#### Work task
Copy each line below that contains "IFCPRODUCTDEFINITIONSHAPE".

[Entries taken from a collection]
-*-*-

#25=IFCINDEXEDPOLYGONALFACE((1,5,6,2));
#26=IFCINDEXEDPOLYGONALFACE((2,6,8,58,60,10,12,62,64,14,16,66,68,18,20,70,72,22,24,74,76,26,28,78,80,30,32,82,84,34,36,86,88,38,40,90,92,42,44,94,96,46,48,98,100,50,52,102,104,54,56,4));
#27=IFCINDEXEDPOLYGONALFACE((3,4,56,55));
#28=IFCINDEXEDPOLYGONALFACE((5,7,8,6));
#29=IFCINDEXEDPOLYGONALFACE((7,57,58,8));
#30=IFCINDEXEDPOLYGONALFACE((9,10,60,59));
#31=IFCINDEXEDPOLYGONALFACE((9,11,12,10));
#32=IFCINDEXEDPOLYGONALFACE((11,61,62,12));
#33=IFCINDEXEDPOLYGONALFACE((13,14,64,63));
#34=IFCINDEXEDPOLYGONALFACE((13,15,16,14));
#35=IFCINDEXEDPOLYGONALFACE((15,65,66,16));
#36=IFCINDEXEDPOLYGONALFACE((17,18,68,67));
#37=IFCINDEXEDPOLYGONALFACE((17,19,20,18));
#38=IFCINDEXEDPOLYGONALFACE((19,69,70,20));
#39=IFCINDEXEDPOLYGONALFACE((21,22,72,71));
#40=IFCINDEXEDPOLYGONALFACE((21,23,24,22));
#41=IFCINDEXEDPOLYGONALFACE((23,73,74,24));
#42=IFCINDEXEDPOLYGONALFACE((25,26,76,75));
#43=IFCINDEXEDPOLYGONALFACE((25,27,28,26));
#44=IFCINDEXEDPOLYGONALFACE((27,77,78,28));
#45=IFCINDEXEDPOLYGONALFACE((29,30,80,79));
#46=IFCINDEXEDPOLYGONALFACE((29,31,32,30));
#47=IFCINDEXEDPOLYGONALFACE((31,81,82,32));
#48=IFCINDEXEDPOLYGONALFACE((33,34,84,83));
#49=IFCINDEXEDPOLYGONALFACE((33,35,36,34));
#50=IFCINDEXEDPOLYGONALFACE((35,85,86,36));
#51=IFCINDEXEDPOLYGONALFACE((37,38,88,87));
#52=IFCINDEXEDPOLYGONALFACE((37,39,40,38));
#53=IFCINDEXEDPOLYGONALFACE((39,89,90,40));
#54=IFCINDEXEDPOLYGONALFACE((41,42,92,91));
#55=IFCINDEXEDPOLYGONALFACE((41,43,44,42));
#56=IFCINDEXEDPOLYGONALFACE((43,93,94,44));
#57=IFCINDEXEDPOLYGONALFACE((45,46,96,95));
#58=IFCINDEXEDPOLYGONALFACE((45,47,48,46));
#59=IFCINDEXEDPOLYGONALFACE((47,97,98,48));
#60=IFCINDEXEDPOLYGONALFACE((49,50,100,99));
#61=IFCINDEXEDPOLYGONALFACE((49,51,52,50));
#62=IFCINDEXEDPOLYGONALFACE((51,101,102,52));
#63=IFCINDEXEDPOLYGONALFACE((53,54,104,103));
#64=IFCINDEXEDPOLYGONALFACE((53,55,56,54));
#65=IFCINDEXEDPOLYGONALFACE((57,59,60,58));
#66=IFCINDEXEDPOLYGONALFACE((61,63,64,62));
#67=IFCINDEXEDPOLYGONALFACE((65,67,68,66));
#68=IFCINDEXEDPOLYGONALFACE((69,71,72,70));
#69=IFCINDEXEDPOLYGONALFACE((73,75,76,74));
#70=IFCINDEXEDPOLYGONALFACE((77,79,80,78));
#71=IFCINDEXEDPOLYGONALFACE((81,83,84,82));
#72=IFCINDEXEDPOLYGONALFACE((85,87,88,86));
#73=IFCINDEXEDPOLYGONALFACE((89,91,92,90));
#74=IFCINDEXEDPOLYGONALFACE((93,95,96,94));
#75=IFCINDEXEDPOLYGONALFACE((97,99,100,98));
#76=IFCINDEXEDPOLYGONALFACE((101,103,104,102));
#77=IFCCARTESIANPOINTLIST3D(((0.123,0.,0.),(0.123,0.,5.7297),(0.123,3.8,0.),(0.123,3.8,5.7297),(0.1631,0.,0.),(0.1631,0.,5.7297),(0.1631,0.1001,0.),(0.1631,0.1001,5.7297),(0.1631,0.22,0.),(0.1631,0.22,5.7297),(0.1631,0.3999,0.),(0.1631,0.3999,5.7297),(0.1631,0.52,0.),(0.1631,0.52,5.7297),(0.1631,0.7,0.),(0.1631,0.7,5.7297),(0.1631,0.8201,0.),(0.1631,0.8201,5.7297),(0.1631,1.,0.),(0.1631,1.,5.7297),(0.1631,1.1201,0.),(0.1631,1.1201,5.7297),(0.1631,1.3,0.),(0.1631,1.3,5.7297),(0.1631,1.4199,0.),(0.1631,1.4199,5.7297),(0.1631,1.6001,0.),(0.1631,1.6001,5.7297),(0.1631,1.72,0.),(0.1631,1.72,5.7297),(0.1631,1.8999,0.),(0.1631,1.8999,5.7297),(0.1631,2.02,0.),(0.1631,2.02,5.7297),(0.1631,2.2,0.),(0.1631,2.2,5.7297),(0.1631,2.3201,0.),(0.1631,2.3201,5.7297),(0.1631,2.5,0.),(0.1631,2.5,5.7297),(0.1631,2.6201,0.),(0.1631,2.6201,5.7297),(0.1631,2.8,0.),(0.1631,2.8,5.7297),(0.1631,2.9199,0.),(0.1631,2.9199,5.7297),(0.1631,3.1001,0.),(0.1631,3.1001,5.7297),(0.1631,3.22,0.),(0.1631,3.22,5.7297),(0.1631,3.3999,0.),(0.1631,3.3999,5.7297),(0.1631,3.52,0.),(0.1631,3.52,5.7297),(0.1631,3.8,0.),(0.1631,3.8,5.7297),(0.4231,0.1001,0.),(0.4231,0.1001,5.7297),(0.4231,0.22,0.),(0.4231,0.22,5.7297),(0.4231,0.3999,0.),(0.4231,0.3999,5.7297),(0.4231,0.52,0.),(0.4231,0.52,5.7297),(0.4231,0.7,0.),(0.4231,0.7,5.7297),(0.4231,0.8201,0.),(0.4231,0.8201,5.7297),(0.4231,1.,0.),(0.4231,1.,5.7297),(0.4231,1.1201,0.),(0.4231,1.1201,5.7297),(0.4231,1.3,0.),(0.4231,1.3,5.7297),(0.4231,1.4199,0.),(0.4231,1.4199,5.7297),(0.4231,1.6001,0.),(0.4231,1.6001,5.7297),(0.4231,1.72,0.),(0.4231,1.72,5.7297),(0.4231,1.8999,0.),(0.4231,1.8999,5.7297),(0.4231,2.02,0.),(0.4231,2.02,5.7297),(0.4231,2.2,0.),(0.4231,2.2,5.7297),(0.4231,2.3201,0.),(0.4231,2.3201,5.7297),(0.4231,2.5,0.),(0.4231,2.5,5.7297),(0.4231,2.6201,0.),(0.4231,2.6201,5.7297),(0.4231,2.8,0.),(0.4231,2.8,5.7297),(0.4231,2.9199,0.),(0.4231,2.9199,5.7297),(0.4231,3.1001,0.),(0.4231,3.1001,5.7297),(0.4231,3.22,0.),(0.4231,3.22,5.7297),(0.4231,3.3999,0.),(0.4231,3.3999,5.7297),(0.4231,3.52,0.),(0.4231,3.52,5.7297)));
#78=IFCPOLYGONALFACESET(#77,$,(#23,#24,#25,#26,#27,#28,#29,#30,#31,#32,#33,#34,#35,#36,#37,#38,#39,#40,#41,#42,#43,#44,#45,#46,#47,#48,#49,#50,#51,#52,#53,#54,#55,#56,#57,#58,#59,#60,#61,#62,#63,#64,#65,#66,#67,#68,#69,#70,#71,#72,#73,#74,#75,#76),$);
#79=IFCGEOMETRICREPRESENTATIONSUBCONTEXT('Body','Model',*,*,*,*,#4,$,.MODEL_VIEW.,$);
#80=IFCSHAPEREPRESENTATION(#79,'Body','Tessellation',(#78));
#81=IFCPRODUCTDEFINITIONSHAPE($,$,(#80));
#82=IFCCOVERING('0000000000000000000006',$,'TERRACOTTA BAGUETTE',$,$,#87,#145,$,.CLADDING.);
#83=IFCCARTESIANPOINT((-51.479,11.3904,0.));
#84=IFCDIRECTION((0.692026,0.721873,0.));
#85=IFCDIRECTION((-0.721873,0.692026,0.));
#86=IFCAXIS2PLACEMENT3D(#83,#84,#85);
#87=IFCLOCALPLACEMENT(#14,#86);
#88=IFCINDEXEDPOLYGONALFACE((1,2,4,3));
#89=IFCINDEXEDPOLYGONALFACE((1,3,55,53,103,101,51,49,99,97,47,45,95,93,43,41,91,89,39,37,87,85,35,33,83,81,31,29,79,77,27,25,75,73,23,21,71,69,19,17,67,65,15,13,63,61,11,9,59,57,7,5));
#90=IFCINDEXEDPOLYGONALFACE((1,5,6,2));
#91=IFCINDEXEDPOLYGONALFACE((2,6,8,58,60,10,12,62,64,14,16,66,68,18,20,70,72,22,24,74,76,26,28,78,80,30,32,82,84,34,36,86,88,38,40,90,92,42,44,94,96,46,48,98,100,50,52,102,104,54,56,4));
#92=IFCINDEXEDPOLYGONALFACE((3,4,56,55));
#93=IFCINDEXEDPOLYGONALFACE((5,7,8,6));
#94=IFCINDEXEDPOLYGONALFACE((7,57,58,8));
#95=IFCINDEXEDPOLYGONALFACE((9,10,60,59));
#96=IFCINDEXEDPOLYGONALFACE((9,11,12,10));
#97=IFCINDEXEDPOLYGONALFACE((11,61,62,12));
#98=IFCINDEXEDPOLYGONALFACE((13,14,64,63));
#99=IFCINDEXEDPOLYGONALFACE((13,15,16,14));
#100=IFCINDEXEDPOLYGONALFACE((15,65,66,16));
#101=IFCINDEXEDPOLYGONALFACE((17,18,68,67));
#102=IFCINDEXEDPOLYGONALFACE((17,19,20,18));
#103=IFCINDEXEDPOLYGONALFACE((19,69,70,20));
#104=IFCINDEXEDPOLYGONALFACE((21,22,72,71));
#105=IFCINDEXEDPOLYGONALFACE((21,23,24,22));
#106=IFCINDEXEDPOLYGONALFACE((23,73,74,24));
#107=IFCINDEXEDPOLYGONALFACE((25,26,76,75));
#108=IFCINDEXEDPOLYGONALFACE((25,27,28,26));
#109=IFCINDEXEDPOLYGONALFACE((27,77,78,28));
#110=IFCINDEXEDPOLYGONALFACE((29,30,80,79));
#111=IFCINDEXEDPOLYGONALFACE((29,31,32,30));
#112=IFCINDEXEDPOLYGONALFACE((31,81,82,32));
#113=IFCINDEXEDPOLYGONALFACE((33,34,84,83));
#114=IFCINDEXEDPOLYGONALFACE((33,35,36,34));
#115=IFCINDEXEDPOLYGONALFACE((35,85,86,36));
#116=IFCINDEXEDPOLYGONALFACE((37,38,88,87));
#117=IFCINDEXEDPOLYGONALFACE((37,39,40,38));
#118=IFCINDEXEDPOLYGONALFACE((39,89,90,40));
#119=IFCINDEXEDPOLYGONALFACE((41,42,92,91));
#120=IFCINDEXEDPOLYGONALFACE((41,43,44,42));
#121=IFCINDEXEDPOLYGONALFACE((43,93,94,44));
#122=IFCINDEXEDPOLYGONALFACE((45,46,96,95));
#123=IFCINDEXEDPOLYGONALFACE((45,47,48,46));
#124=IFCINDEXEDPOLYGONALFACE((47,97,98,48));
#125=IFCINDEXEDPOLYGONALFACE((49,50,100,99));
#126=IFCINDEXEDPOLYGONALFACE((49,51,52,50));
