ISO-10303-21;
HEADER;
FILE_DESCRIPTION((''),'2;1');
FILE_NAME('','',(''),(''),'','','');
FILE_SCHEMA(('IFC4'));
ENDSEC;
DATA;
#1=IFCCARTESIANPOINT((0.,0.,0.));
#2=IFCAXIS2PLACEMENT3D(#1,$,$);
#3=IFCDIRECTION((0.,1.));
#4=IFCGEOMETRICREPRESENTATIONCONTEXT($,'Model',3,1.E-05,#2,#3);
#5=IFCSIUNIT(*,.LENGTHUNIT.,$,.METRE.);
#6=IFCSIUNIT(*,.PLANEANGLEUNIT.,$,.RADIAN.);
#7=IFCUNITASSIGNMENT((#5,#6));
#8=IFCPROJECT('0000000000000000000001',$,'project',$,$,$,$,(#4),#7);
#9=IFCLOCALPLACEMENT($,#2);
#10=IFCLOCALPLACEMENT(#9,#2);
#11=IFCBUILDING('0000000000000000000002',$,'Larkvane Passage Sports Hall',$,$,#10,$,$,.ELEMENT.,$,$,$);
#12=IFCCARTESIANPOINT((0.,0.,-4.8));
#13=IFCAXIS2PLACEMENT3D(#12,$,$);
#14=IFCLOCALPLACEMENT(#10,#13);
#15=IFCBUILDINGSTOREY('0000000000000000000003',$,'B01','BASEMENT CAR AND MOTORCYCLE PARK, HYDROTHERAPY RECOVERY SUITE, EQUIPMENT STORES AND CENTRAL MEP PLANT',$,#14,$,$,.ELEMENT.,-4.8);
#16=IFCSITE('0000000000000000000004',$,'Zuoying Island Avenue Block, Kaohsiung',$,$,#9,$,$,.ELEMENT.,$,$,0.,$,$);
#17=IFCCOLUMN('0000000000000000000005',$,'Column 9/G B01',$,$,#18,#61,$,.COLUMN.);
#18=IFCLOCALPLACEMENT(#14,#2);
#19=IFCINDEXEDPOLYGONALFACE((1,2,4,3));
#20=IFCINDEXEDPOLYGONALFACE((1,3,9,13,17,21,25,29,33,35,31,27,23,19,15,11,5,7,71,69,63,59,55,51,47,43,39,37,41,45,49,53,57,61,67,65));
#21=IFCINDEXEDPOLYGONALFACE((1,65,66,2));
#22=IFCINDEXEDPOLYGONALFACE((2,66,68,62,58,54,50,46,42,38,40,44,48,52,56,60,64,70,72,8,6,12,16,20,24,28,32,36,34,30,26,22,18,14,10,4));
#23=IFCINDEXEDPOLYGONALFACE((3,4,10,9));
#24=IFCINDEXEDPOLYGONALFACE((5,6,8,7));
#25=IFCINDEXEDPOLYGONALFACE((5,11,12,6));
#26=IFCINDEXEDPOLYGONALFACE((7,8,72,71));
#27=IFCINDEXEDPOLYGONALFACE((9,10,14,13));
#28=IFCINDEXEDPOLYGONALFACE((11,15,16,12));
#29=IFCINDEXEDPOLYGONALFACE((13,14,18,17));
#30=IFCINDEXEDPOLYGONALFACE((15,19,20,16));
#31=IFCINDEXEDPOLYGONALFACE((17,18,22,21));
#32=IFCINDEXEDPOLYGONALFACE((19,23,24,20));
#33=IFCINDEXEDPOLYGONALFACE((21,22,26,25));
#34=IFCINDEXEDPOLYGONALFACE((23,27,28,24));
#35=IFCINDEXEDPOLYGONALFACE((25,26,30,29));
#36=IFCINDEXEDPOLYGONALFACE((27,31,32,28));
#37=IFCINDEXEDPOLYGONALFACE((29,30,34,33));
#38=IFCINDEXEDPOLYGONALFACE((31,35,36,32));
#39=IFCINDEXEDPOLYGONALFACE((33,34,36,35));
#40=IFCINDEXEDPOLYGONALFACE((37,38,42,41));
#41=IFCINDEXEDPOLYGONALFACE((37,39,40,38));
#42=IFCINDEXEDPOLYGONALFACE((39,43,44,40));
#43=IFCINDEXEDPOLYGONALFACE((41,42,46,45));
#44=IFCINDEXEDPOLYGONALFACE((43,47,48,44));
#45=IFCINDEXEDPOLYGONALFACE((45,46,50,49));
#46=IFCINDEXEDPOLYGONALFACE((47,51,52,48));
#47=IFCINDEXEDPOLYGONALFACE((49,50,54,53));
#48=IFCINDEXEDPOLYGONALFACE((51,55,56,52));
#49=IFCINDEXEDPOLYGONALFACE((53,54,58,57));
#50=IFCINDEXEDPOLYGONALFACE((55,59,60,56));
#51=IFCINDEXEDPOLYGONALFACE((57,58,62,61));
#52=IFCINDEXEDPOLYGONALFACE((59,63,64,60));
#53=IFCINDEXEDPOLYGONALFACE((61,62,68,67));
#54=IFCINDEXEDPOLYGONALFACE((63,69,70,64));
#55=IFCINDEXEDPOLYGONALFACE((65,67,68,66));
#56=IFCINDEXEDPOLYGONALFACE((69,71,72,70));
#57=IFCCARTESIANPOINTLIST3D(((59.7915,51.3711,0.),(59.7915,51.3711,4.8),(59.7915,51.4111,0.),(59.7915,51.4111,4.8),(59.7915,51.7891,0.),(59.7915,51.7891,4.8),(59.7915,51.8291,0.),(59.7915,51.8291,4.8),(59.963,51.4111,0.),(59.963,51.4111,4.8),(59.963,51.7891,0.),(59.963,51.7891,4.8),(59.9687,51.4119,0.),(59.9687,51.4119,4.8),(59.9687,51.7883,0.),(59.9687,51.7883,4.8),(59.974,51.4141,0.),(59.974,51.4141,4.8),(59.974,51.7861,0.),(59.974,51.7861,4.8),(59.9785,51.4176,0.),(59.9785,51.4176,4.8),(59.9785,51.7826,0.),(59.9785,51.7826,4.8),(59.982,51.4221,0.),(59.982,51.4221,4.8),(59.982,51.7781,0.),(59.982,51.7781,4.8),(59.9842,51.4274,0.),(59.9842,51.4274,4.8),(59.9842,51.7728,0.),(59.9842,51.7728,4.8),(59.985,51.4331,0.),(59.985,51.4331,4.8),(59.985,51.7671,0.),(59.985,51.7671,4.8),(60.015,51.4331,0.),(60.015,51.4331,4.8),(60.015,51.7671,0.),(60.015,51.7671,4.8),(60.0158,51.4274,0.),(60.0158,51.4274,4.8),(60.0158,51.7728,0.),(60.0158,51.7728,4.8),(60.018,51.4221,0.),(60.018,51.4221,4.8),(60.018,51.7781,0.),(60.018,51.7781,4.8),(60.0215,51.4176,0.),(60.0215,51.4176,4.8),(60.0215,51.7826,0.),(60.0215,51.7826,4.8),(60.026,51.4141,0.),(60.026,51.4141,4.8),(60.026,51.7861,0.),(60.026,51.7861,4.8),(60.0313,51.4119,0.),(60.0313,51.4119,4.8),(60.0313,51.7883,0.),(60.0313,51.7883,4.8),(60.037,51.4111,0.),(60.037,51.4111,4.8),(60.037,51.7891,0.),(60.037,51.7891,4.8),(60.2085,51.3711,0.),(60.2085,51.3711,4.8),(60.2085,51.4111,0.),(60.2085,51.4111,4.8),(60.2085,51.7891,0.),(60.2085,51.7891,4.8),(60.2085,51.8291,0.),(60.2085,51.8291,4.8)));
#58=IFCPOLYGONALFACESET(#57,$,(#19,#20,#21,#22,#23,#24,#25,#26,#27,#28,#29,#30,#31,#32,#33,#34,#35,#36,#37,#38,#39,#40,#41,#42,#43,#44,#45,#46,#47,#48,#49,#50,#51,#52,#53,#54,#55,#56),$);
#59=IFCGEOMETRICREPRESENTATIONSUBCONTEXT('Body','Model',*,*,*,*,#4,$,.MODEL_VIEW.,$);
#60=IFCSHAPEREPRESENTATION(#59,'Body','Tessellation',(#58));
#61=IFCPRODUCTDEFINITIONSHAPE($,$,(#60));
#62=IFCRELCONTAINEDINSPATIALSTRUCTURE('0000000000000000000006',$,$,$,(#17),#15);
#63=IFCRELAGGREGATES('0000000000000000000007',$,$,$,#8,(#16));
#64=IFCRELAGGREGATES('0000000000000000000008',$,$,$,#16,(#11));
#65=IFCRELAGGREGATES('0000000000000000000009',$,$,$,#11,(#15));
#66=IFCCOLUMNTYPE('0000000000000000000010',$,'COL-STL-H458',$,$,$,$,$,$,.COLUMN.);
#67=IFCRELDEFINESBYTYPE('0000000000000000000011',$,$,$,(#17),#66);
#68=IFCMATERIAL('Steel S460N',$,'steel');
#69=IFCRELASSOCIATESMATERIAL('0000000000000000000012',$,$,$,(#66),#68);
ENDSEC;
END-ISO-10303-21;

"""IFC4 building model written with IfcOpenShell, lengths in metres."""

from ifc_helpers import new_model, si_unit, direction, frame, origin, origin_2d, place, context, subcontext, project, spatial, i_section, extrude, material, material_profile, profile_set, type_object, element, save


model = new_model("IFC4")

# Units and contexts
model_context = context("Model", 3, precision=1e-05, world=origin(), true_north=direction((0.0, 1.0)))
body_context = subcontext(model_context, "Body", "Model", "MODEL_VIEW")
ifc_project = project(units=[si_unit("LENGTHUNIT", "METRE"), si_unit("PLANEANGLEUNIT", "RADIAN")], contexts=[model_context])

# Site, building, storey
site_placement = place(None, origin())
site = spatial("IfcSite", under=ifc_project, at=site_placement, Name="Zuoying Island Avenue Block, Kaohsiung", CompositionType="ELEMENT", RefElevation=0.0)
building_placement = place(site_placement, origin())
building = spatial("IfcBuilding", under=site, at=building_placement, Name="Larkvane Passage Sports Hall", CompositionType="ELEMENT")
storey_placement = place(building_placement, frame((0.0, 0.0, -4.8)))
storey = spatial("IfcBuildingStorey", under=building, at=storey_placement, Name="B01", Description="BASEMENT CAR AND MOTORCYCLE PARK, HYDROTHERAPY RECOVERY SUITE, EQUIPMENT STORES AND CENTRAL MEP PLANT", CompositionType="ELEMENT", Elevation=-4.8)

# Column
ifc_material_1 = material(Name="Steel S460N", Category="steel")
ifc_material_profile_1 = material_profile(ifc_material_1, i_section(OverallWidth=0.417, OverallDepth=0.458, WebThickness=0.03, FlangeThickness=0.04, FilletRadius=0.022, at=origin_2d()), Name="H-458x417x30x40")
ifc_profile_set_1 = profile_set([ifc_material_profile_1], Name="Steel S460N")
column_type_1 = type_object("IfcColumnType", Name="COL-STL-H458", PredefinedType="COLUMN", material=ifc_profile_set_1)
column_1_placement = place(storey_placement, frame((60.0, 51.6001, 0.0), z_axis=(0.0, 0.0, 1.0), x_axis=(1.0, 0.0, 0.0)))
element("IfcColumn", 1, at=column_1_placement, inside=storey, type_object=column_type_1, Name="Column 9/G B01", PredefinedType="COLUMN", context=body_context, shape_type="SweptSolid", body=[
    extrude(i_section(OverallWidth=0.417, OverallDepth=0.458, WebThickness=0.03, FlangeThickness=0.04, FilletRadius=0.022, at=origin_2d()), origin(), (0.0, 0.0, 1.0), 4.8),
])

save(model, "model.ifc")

-*-*-

#### Problem solution
#81=IFCPRODUCTDEFINITIONSHAPE($,$,(#80));
#61=IFCPRODUCTDEFINITIONSHAPE($,$,(#60));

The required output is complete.